Task:
Among the entries below, one stretch runs from the line that contains "#31=IFCINDEXEDPOLYGONALFACE((19,21,25,23));" through the line that contains "#41=IFCINDEXEDPOLYGONALFACE((39,41,42,40));". Repeat that stretch exactly, ends included, and only that.

□ □ □ □

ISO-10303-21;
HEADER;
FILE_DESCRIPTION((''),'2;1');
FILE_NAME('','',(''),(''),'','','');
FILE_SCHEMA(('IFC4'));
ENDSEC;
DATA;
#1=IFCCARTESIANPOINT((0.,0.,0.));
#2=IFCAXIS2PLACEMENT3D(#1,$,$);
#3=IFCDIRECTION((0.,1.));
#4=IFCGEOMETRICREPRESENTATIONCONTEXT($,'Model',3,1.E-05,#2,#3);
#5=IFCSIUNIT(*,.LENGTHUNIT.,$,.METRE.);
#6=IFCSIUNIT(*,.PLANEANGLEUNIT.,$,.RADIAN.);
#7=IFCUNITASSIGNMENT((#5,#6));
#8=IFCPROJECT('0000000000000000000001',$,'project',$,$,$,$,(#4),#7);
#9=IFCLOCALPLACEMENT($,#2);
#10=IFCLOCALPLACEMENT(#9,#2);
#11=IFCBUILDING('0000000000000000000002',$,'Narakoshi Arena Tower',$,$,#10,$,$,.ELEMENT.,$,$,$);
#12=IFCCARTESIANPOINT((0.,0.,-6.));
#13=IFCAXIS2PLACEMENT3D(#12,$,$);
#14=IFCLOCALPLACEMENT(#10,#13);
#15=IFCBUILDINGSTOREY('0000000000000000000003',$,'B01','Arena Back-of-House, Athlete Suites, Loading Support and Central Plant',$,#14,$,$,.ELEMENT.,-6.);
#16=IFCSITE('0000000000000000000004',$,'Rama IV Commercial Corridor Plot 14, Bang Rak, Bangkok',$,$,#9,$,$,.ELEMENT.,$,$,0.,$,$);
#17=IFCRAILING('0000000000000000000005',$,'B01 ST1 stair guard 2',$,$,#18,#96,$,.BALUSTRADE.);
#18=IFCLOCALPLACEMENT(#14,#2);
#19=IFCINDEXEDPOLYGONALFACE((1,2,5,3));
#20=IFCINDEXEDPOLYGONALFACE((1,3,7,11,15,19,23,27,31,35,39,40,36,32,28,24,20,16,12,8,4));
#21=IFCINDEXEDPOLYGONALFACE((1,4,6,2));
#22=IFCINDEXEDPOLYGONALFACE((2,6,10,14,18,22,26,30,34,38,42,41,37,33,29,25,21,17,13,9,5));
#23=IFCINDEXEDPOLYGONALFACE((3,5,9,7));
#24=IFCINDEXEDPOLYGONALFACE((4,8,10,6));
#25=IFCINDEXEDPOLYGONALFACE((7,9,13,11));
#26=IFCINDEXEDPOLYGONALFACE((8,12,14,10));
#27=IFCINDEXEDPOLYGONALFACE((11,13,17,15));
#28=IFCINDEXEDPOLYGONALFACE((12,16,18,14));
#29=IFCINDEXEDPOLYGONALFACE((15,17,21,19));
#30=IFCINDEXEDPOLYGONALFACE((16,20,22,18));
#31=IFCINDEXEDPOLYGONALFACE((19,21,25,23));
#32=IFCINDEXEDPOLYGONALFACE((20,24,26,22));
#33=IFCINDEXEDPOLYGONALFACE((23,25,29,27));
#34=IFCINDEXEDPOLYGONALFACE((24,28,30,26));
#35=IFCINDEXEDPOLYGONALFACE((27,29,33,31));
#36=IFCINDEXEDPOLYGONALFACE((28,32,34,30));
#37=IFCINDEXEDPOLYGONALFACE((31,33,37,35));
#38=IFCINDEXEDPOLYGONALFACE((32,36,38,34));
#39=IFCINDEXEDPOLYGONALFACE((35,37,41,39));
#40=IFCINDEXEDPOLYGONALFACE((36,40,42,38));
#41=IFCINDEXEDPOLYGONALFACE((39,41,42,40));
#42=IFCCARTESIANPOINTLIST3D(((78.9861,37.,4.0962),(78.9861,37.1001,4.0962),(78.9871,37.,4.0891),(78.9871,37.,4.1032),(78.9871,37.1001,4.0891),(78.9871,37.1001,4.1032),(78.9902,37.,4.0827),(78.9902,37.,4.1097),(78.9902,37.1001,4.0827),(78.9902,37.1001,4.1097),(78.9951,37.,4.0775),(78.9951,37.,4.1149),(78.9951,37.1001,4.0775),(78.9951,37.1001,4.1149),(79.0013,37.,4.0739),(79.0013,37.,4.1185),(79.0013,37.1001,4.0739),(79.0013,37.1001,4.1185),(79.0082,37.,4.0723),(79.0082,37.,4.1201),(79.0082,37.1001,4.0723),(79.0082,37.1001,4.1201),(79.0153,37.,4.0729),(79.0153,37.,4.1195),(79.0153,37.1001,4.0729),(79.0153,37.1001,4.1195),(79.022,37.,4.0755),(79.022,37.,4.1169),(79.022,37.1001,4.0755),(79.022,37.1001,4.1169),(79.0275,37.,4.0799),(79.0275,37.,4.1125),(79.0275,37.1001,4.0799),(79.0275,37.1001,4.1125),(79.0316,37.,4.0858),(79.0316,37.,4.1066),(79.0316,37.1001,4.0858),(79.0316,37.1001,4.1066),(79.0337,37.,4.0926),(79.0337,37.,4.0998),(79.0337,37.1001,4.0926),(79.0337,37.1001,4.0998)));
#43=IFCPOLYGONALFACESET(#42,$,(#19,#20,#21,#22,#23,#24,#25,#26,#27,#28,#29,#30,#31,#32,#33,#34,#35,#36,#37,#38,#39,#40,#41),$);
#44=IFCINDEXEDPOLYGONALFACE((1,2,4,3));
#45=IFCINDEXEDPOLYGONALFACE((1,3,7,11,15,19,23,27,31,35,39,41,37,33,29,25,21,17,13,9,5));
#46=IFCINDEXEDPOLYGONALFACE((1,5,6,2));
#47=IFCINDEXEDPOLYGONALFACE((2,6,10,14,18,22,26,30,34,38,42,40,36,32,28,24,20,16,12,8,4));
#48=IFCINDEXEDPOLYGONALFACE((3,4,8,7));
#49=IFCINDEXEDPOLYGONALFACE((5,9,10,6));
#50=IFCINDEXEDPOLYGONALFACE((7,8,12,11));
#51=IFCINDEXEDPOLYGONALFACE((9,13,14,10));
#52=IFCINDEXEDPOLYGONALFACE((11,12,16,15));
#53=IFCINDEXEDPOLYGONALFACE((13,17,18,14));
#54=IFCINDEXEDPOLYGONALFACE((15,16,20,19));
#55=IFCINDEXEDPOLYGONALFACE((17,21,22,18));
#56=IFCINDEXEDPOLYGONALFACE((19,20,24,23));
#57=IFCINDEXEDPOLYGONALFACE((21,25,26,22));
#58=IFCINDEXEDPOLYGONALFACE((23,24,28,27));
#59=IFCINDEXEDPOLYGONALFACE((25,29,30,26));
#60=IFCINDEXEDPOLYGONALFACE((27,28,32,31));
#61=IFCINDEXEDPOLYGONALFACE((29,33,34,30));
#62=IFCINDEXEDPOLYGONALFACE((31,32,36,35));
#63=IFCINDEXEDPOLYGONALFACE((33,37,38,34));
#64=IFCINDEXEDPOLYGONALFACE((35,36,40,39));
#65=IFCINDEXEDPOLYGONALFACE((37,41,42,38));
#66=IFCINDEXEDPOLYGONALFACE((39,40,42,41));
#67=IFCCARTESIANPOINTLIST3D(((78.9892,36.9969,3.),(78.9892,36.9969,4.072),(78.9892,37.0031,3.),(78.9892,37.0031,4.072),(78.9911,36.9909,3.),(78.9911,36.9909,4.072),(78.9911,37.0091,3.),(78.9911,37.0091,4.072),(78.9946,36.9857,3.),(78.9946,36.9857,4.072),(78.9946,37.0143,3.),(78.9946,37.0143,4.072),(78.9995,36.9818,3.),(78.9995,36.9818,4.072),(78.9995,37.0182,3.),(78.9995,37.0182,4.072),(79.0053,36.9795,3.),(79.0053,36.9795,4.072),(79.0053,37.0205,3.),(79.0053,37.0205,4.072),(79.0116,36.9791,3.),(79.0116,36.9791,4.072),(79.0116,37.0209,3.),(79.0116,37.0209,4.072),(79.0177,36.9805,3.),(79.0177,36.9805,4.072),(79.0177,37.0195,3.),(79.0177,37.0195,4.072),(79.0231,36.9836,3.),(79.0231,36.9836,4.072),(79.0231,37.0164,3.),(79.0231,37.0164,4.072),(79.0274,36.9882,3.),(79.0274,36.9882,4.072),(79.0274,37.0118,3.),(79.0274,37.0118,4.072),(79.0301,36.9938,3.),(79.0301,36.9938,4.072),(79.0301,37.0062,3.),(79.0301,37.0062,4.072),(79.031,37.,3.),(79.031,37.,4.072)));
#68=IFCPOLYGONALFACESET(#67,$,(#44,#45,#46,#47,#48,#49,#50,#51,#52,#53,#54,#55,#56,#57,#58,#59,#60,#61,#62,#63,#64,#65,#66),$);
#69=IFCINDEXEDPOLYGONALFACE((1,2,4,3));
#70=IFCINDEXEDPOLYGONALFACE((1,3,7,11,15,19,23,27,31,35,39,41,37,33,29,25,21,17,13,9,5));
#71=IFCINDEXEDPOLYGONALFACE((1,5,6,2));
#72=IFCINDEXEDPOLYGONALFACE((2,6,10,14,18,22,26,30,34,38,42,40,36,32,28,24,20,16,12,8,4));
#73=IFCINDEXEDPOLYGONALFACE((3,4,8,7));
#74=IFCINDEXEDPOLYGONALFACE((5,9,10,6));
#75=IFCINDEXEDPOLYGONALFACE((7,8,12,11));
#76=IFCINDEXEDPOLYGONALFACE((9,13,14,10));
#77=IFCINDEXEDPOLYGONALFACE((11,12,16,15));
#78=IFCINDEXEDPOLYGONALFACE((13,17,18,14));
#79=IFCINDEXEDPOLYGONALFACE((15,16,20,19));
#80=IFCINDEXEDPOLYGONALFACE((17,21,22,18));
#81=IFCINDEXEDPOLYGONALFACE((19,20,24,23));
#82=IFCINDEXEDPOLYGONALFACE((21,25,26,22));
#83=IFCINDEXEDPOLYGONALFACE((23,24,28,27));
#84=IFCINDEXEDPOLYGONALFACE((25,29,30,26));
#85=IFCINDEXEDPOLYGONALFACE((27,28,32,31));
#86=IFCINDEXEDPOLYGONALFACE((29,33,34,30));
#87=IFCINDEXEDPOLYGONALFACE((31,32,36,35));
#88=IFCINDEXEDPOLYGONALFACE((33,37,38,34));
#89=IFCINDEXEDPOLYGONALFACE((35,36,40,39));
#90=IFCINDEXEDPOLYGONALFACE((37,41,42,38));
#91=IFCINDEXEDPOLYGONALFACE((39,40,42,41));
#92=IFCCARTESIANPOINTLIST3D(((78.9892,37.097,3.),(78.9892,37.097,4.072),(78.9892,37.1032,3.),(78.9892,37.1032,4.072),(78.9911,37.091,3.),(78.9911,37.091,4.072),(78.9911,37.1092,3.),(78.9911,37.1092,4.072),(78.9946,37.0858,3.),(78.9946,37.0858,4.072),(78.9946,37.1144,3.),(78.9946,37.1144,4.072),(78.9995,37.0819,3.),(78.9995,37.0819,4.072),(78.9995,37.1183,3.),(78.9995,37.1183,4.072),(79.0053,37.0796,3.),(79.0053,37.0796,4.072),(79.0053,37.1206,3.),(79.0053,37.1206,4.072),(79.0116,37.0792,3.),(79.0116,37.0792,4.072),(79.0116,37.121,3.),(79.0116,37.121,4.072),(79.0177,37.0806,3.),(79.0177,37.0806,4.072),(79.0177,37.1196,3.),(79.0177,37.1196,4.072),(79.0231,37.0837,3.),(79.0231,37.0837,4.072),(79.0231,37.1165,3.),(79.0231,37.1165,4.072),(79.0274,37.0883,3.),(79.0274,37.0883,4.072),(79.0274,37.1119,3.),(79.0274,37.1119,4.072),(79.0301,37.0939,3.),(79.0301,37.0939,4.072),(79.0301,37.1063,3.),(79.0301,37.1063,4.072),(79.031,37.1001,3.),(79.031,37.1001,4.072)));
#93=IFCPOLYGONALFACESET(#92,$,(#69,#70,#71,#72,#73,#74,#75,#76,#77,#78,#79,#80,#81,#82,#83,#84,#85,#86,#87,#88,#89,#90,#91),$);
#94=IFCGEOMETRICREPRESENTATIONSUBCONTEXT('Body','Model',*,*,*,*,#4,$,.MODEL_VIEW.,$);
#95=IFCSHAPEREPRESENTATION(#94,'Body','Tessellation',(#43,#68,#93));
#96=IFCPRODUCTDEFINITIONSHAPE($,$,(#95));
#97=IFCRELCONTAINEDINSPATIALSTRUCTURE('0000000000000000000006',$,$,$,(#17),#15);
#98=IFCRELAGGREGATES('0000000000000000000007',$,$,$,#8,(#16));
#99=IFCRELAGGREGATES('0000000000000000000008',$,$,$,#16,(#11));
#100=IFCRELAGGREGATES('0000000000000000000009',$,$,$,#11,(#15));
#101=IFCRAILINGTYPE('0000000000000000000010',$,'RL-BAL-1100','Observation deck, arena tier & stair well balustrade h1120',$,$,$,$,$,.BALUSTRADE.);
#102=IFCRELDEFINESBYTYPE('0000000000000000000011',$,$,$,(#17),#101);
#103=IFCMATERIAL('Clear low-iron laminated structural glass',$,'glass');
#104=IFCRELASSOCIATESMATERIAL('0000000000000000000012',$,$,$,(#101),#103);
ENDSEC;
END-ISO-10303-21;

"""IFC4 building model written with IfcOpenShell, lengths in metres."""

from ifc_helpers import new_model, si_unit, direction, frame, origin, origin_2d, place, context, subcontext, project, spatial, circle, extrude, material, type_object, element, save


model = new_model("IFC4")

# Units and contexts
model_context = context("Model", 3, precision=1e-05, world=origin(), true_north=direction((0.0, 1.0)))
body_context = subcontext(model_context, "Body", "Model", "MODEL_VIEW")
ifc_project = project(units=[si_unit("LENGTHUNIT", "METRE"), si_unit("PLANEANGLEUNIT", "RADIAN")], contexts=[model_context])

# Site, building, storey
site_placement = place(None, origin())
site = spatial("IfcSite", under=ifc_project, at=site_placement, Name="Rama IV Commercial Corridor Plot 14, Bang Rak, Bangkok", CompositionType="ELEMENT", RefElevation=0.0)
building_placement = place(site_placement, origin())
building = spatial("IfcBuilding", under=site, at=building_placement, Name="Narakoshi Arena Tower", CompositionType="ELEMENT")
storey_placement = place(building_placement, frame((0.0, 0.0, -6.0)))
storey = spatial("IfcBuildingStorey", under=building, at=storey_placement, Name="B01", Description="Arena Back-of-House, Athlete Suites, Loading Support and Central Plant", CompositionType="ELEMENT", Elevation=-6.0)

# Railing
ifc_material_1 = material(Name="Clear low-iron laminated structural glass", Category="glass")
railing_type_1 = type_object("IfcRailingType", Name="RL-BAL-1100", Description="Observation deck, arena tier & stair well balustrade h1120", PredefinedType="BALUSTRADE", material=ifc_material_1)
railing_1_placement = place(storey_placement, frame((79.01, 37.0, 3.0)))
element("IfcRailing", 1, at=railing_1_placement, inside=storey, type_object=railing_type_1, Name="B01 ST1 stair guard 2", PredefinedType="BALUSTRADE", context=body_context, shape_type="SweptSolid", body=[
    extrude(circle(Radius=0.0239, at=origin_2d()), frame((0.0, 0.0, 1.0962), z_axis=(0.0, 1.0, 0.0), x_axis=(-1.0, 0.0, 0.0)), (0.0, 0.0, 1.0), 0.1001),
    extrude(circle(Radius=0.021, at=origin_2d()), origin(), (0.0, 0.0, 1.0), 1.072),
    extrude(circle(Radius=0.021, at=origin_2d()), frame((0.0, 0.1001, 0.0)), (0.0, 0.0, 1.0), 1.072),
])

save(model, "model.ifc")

□ □ □ □

Exercise result:
#31=IFCINDEXEDPOLYGONALFACE((19,21,25,23));
#32=IFCINDEXEDPOLYGONALFACE((20,24,26,22));
#33=IFCINDEXEDPOLYGONALFACE((23,25,29,27));
#34=IFCINDEXEDPOLYGONALFACE((24,28,30,26));
#35=IFCINDEXEDPOLYGONALFACE((27,29,33,31));
#36=IFCINDEXEDPOLYGONALFACE((28,32,34,30));
#37=IFCINDEXEDPOLYGONALFACE((31,33,37,35));
#38=IFCINDEXEDPOLYGONALFACE((32,36,38,34));
#39=IFCINDEXEDPOLYGONALFACE((35,37,41,39));
#40=IFCINDEXEDPOLYGONALFACE((36,40,42,38));
#41=IFCINDEXEDPOLYGONALFACE((39,41,42,40));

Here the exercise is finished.